Work to complete.
Every entry, exactly as given, must be retyped.

__________

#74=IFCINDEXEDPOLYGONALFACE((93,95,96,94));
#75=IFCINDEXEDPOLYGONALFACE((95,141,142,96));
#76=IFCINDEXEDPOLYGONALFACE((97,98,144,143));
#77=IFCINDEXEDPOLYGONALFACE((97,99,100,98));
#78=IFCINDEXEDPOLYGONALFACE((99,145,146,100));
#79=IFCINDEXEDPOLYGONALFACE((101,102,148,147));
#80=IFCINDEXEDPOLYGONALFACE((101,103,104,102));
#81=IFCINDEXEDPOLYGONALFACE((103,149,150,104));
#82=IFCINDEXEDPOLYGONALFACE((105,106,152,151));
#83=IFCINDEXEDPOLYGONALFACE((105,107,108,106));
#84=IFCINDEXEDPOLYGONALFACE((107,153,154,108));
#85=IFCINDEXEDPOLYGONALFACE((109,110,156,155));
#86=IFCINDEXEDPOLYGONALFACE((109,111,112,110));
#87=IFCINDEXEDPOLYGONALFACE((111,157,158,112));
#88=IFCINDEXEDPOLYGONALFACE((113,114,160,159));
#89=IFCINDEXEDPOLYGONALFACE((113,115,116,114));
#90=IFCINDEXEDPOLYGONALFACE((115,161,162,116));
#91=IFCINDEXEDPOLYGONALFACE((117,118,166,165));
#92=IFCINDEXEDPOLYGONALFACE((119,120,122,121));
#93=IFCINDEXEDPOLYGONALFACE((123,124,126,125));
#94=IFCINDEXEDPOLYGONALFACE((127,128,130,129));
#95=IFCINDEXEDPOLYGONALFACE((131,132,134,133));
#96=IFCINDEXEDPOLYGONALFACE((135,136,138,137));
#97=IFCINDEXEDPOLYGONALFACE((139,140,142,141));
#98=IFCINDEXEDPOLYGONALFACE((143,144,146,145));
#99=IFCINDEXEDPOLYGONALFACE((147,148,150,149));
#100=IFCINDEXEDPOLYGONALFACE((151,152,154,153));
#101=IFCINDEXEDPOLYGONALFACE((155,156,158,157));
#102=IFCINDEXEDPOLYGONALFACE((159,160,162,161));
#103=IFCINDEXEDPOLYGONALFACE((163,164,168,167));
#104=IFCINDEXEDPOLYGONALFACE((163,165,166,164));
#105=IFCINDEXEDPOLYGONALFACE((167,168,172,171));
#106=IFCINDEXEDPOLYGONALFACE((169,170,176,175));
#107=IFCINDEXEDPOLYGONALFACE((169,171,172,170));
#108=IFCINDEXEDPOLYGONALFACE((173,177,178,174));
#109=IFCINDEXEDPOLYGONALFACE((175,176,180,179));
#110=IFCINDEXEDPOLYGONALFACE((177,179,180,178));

__________

Exercise solution.
#74=IFCINDEXEDPOLYGONALFACE((93,95,96,94));
#75=IFCINDEXEDPOLYGONALFACE((95,141,142,96));
#76=IFCINDEXEDPOLYGONALFACE((97,98,144,143));
#77=IFCINDEXEDPOLYGONALFACE((97,99,100,98));
#78=IFCINDEXEDPOLYGONALFACE((99,145,146,100));
#79=IFCINDEXEDPOLYGONALFACE((101,102,148,147));
#80=IFCINDEXEDPOLYGONALFACE((101,103,104,102));
#81=IFCINDEXEDPOLYGONALFACE((103,149,150,104));
#82=IFCINDEXEDPOLYGONALFACE((105,106,152,151));
#83=IFCINDEXEDPOLYGONALFACE((105,107,108,106));
#84=IFCINDEXEDPOLYGONALFACE((107,153,154,108));
#85=IFCINDEXEDPOLYGONALFACE((109,110,156,155));
#86=IFCINDEXEDPOLYGONALFACE((109,111,112,110));
#87=IFCINDEXEDPOLYGONALFACE((111,157,158,112));
#88=IFCINDEXEDPOLYGONALFACE((113,114,160,159));
#89=IFCINDEXEDPOLYGONALFACE((113,115,116,114));
#90=IFCINDEXEDPOLYGONALFACE((115,161,162,116));
#91=IFCINDEXEDPOLYGONALFACE((117,118,166,165));
#92=IFCINDEXEDPOLYGONALFACE((119,120,122,121));
#93=IFCINDEXEDPOLYGONALFACE((123,124,126,125));
#94=IFCINDEXEDPOLYGONALFACE((127,128,130,129));
#95=IFCINDEXEDPOLYGONALFACE((131,132,134,133));
#96=IFCINDEXEDPOLYGONALFACE((135,136,138,137));
#97=IFCINDEXEDPOLYGONALFACE((139,140,142,141));
#98=IFCINDEXEDPOLYGONALFACE((143,144,146,145));
#99=IFCINDEXEDPOLYGONALFACE((147,148,150,149));
#100=IFCINDEXEDPOLYGONALFACE((151,152,154,153));
#101=IFCINDEXEDPOLYGONALFACE((155,156,158,157));
#102=IFCINDEXEDPOLYGONALFACE((159,160,162,161));
#103=IFCINDEXEDPOLYGONALFACE((163,164,168,167));
#104=IFCINDEXEDPOLYGONALFACE((163,165,166,164));
#105=IFCINDEXEDPOLYGONALFACE((167,168,172,171));
#106=IFCINDEXEDPOLYGONALFACE((169,170,176,175));
#107=IFCINDEXEDPOLYGONALFACE((169,171,172,170));
#108=IFCINDEXEDPOLYGONALFACE((173,177,178,174));
#109=IFCINDEXEDPOLYGONALFACE((175,176,180,179));
#110=IFCINDEXEDPOLYGONALFACE((177,179,180,178));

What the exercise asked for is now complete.